The line with "#57=IFCINDEXEDPOLYGONALFACE((21,25,26,22));", the line with "#66=IFCINDEXEDPOLYGONALFACE((39,40,42,41));", and all lines between them in the material below: return these exactly, and no others.
--------------------------------------------------
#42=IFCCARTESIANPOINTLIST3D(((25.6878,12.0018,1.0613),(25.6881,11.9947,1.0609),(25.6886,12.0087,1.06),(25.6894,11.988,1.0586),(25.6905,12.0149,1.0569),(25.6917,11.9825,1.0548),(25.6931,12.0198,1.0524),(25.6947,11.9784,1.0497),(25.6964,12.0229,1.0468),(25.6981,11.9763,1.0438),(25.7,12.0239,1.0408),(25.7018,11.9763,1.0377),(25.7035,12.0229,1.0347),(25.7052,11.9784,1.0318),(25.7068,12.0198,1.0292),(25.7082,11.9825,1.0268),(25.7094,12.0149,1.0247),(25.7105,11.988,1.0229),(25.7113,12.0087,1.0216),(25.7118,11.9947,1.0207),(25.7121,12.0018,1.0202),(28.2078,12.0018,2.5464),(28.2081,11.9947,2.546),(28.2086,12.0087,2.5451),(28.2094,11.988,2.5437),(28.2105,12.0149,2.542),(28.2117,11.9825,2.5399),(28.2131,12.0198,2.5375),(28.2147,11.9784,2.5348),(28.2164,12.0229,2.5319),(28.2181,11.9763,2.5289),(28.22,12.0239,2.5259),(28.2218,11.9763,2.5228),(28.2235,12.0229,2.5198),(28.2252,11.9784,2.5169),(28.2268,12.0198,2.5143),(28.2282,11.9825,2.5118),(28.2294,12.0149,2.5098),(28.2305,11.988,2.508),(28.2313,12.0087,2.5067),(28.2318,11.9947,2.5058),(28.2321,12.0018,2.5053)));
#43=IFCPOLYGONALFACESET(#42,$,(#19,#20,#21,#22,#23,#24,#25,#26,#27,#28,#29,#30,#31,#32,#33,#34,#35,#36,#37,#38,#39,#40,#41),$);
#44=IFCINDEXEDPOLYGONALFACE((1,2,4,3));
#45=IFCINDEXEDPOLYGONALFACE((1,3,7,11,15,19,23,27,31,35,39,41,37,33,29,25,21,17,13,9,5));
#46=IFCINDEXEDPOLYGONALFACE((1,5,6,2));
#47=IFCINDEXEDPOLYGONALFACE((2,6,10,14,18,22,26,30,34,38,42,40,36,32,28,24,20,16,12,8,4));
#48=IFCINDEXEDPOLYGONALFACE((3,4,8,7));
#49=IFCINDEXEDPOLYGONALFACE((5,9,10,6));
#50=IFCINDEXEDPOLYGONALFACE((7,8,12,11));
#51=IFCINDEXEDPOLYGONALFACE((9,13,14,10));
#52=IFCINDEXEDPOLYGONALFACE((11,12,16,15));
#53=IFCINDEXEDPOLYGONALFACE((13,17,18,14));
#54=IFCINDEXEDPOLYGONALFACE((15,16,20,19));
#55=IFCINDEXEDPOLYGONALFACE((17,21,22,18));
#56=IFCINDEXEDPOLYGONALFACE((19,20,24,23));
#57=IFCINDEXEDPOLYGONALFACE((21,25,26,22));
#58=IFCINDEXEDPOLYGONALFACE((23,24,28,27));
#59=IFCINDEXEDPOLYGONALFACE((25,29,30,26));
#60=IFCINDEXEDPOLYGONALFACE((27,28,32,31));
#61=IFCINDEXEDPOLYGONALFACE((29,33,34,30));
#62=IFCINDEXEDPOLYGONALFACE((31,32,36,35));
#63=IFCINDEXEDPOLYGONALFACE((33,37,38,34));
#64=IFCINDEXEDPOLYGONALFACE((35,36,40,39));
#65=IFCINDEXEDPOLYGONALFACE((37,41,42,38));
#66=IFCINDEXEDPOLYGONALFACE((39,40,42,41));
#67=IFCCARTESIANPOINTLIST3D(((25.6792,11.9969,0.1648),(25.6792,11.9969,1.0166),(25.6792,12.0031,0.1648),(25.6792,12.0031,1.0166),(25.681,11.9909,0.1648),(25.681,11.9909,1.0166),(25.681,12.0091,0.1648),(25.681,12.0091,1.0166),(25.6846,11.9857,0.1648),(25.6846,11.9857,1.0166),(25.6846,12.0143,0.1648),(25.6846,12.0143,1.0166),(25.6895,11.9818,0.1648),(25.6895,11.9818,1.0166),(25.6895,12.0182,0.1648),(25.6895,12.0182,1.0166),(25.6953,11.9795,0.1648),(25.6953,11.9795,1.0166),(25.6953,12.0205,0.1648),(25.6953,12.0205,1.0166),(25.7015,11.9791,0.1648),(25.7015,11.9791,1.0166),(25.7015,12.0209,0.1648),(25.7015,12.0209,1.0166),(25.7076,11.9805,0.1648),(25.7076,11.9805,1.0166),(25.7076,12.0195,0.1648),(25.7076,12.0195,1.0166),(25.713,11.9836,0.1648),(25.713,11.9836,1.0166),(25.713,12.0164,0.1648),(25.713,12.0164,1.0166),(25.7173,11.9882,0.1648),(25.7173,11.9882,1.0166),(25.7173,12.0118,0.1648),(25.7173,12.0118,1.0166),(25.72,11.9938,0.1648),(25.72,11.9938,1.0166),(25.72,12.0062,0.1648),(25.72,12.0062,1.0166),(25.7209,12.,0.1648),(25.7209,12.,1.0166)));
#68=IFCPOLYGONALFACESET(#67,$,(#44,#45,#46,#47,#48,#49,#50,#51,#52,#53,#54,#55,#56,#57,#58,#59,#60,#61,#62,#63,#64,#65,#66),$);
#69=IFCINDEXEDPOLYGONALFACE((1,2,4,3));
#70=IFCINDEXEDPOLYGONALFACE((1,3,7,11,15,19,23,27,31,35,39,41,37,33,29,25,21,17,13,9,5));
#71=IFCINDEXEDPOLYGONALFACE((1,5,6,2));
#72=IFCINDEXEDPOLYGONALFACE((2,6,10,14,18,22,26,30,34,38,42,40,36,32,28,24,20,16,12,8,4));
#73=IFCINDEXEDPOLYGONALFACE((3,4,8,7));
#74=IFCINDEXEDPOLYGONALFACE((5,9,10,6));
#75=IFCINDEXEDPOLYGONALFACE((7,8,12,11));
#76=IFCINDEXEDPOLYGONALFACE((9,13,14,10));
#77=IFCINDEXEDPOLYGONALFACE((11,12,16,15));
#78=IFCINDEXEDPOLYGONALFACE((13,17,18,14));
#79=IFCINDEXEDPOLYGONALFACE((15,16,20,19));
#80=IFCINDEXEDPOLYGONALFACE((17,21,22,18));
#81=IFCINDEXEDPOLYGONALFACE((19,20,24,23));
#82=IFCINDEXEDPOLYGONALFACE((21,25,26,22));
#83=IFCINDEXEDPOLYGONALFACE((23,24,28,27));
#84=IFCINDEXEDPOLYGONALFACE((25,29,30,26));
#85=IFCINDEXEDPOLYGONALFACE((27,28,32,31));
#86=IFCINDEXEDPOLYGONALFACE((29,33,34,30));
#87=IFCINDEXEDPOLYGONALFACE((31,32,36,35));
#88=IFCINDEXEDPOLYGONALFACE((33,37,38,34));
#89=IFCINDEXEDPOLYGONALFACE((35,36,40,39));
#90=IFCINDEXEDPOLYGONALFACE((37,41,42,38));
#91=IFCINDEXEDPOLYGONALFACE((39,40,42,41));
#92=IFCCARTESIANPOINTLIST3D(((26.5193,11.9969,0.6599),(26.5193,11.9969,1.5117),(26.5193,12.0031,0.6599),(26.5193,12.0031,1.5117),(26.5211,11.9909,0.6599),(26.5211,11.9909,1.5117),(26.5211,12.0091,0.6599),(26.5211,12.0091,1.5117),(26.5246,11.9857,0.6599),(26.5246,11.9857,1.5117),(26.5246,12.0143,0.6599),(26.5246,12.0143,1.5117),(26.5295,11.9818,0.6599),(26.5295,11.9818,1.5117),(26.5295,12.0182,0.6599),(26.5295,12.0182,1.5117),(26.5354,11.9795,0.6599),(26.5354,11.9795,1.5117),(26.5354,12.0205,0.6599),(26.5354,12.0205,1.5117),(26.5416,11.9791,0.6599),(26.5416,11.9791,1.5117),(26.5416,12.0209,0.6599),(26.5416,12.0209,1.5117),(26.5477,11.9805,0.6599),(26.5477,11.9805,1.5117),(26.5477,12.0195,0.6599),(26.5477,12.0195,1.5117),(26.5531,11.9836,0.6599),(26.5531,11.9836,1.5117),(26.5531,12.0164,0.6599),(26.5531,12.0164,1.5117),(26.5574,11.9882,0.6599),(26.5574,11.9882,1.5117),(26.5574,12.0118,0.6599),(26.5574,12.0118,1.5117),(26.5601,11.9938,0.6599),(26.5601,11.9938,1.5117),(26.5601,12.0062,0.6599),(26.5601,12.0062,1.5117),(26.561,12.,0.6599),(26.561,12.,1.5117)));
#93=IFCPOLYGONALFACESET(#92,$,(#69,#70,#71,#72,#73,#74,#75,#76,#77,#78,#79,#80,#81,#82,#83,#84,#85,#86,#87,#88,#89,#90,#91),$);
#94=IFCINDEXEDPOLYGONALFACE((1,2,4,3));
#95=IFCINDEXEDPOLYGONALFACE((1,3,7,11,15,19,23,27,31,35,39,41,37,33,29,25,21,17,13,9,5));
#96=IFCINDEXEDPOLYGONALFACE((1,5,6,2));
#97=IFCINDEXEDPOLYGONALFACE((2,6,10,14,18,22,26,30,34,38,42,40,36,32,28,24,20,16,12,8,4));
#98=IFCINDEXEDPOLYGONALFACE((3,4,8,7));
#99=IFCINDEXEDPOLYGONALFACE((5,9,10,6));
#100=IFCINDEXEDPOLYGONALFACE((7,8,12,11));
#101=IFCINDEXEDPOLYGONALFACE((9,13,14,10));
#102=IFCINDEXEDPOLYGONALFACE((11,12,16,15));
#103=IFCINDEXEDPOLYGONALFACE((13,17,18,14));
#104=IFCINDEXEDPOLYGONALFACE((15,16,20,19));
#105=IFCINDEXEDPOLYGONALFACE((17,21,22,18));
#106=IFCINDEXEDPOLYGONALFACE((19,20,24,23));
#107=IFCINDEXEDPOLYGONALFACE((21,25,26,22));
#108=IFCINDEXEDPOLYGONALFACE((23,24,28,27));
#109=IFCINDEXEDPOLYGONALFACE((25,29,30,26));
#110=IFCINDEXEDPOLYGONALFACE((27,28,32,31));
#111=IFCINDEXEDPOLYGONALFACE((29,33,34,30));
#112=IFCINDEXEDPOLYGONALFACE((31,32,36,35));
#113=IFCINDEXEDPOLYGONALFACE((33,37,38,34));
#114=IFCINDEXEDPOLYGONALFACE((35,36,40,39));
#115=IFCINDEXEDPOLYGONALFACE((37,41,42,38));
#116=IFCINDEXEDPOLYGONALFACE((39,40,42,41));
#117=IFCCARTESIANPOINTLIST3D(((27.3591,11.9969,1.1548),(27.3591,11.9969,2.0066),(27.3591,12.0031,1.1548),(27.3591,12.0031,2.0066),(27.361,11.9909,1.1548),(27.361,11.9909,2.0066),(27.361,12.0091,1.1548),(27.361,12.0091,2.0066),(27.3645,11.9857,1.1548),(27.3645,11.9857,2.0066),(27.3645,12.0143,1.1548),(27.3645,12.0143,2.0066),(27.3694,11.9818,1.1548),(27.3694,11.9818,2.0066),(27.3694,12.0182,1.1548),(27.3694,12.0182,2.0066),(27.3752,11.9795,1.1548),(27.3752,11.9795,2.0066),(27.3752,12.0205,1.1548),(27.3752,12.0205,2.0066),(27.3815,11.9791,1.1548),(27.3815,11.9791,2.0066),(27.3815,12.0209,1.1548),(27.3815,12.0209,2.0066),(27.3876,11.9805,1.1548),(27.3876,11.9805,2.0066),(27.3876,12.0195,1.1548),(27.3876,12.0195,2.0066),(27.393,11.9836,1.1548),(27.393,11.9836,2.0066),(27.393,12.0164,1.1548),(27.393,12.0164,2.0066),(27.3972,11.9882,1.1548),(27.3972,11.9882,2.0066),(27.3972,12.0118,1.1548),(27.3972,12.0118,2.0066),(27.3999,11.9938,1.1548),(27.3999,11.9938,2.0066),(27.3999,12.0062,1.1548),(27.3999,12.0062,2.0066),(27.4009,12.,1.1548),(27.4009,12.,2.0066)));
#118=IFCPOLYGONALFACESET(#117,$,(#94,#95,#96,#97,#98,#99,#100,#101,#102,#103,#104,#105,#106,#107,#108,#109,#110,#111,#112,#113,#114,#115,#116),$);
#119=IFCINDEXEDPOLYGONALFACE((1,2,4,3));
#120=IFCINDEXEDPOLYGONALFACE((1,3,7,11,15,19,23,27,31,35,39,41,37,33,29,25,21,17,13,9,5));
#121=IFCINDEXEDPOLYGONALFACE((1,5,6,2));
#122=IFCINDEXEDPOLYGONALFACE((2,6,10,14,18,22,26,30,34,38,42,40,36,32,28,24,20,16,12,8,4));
--------------------------------------------------
Answer area.
#57=IFCINDEXEDPOLYGONALFACE((21,25,26,22));
#58=IFCINDEXEDPOLYGONALFACE((23,24,28,27));
#59=IFCINDEXEDPOLYGONALFACE((25,29,30,26));
#60=IFCINDEXEDPOLYGONALFACE((27,28,32,31));
#61=IFCINDEXEDPOLYGONALFACE((29,33,34,30));
#62=IFCINDEXEDPOLYGONALFACE((31,32,36,35));
#63=IFCINDEXEDPOLYGONALFACE((33,37,38,34));
#64=IFCINDEXEDPOLYGONALFACE((35,36,40,39));
#65=IFCINDEXEDPOLYGONALFACE((37,41,42,38));
#66=IFCINDEXEDPOLYGONALFACE((39,40,42,41));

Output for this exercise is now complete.